(Your instructions): Copy all lines holding the word "Triple" from the entries.

(Records from a data source)
**********
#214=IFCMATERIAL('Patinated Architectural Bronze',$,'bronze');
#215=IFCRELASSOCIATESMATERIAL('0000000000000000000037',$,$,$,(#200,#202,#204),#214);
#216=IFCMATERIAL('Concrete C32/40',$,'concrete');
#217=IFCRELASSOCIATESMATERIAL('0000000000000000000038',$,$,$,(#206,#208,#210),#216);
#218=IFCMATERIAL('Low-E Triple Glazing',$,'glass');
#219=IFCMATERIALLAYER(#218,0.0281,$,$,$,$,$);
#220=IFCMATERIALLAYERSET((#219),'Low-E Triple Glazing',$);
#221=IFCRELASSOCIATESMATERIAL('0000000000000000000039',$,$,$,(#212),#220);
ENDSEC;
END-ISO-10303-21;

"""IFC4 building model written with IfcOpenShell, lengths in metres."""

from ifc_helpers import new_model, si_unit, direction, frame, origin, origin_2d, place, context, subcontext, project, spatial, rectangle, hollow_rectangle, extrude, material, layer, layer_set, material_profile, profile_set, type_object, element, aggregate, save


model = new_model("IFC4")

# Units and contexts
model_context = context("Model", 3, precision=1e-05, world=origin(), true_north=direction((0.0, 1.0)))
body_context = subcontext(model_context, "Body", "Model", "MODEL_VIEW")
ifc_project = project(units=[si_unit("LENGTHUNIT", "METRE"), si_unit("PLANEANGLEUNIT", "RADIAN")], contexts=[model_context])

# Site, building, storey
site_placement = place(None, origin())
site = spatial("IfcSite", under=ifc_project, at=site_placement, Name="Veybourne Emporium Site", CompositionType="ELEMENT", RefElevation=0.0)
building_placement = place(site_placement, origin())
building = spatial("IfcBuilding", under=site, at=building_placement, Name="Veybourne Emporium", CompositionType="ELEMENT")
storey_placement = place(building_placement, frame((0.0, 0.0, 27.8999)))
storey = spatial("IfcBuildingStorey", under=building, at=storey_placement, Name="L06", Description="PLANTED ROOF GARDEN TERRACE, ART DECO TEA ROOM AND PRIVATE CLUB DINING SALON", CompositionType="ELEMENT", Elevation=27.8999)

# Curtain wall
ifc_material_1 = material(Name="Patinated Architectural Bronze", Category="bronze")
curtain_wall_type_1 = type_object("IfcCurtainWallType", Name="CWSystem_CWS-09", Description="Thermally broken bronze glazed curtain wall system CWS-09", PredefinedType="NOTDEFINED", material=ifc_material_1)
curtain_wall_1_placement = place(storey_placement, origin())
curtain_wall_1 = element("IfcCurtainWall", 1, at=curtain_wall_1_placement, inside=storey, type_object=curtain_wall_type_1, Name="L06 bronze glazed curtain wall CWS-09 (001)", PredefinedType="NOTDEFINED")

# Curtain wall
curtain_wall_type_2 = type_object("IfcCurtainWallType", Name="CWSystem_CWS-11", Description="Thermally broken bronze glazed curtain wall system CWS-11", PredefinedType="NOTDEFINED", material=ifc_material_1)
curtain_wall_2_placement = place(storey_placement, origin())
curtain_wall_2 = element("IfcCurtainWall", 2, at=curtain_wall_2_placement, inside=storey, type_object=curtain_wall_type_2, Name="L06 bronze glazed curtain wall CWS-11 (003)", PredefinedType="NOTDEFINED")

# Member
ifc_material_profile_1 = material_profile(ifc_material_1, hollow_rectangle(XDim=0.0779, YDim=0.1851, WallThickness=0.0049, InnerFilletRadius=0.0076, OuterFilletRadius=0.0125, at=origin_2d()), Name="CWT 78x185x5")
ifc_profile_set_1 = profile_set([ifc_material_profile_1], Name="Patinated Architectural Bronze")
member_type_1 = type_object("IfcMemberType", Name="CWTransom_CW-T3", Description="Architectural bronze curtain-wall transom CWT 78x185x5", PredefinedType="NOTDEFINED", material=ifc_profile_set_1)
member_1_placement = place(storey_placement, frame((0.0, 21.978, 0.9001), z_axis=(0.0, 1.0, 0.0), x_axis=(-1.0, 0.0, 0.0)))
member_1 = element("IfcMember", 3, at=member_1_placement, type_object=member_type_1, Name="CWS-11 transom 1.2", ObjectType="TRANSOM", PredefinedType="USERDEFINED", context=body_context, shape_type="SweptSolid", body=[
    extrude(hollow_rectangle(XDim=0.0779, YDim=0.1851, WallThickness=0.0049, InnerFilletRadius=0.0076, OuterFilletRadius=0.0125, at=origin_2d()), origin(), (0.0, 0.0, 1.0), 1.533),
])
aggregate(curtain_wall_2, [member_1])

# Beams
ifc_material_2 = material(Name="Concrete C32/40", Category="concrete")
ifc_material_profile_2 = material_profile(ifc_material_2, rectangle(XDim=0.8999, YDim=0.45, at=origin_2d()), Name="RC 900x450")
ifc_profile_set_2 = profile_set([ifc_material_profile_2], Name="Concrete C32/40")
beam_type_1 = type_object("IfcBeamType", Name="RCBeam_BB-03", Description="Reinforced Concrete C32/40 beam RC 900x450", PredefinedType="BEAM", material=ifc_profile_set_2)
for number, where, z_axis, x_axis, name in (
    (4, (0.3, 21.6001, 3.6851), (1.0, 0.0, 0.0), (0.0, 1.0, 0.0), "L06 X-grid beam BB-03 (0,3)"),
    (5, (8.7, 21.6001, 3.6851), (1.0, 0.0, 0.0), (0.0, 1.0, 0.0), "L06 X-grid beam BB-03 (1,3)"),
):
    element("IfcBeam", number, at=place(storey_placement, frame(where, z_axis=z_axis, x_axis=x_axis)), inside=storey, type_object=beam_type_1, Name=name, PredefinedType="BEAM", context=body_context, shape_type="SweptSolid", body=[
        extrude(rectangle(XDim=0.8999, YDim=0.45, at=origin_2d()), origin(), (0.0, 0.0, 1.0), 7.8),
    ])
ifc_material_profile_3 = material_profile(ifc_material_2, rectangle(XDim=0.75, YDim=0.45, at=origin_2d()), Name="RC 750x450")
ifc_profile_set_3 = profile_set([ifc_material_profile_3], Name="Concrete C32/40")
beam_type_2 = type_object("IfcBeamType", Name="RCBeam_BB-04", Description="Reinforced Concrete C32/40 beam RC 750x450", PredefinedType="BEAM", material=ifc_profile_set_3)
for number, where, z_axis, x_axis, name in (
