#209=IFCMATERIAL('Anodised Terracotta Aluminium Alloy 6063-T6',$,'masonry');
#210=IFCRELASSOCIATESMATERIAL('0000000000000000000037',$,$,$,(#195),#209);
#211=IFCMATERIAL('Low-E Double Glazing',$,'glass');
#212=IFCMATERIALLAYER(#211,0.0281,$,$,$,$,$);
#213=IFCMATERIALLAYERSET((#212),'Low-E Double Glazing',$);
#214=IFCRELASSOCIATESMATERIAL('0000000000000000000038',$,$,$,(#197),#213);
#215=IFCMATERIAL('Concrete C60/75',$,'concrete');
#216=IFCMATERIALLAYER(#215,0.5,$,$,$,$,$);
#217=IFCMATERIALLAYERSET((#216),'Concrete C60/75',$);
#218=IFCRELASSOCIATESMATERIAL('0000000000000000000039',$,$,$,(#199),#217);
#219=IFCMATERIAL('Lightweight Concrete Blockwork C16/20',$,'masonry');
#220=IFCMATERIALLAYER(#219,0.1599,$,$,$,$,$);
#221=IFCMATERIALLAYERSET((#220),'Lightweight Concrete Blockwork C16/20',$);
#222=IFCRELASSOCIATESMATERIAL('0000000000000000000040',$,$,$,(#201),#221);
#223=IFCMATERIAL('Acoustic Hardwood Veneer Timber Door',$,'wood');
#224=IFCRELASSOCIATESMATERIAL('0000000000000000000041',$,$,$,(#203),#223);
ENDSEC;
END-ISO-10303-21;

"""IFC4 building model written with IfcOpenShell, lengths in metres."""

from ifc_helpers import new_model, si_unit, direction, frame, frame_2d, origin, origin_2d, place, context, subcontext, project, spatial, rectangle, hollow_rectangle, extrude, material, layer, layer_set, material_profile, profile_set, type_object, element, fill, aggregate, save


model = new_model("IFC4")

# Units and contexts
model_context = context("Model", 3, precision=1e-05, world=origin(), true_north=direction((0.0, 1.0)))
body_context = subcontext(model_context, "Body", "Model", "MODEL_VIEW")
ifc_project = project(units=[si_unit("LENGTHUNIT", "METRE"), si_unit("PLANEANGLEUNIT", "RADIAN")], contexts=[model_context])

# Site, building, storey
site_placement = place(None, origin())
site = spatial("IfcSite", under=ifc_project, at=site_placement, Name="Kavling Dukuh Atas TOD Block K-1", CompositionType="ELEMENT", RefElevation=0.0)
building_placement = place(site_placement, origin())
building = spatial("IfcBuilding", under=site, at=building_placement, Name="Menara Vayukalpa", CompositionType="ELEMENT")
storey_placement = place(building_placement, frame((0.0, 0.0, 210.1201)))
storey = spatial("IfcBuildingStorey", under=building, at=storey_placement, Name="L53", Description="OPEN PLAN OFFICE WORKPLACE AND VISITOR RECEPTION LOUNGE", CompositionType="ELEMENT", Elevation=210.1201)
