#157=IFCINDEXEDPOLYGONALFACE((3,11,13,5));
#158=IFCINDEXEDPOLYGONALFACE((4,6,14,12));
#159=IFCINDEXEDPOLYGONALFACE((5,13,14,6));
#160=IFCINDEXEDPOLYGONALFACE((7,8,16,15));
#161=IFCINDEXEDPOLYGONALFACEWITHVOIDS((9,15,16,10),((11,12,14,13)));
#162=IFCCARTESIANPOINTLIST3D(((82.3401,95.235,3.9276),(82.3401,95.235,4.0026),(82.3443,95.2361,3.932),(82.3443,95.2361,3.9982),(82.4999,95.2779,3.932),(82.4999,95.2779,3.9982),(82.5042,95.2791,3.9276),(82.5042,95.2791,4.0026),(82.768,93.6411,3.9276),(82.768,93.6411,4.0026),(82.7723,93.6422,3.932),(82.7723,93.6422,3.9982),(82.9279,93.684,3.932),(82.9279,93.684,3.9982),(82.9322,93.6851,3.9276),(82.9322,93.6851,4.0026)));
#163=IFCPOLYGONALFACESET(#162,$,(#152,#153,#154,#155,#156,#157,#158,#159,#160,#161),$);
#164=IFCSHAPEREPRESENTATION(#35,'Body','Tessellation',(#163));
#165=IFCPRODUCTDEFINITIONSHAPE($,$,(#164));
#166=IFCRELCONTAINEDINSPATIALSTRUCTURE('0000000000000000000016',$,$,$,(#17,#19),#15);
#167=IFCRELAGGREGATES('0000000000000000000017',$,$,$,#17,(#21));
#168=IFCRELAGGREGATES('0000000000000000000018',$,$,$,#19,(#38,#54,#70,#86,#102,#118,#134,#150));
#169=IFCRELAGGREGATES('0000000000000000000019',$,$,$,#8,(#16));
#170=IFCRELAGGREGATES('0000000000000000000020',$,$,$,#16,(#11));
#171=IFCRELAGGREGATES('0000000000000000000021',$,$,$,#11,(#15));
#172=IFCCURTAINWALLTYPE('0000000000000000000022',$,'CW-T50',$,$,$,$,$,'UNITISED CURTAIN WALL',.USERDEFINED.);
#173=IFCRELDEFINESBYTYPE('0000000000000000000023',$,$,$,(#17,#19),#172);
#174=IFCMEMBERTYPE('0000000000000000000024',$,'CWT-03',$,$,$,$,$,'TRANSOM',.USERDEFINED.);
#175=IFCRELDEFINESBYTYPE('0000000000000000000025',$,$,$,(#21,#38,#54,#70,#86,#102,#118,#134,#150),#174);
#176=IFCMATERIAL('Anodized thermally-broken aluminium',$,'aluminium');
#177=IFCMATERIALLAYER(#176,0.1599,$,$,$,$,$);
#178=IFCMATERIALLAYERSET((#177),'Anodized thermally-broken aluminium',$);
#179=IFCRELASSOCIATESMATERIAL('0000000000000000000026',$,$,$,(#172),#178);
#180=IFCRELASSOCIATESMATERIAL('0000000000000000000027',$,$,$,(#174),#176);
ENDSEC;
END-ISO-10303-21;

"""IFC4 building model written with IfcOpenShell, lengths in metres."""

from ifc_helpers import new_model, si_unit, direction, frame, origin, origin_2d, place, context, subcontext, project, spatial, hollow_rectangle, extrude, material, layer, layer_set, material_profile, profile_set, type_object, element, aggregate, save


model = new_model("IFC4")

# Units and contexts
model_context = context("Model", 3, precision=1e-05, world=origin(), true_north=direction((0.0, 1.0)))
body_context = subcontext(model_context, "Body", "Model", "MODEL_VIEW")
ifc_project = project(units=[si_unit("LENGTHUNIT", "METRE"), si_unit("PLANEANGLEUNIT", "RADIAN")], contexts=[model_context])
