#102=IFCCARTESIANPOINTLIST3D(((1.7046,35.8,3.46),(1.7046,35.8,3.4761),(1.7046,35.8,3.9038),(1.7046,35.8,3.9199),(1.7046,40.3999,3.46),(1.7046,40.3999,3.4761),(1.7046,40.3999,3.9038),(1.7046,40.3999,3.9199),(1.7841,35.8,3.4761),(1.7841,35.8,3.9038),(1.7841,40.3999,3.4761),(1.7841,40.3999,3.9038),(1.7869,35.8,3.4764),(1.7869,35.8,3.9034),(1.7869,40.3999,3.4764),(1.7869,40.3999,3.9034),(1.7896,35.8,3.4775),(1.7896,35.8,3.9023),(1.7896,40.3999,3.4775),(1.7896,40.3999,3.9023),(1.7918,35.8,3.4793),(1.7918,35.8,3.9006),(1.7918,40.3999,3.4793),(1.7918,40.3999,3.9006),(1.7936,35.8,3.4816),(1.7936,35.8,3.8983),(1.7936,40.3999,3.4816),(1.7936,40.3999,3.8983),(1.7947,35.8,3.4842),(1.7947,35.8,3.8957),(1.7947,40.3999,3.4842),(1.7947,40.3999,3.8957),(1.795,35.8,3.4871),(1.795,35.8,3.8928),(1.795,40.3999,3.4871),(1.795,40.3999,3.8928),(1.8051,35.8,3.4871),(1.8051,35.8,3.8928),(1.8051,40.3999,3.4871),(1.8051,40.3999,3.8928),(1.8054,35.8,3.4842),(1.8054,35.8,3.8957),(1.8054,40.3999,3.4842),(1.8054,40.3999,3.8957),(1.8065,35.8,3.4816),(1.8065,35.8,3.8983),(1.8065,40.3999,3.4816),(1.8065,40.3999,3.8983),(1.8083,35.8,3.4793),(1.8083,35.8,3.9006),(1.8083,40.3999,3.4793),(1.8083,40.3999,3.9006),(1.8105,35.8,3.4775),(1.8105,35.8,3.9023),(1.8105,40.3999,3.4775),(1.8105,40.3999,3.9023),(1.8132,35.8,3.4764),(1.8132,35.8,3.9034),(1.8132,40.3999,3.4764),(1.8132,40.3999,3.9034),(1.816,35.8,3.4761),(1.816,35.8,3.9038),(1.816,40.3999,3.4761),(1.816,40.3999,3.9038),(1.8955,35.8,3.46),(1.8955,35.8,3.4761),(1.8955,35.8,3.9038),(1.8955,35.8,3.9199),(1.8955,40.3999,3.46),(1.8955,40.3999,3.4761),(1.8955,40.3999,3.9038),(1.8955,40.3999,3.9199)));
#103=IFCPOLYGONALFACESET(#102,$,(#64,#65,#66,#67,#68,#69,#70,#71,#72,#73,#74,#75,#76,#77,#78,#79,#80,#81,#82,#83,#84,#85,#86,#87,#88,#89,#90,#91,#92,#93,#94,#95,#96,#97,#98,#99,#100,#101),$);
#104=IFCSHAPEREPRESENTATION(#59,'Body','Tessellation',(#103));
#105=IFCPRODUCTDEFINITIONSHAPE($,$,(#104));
**********
(Finished exercise):
#218=IFCMATERIAL('Low-E Triple Glazing',$,'glass');
#220=IFCMATERIALLAYERSET((#219),'Low-E Triple Glazing',$);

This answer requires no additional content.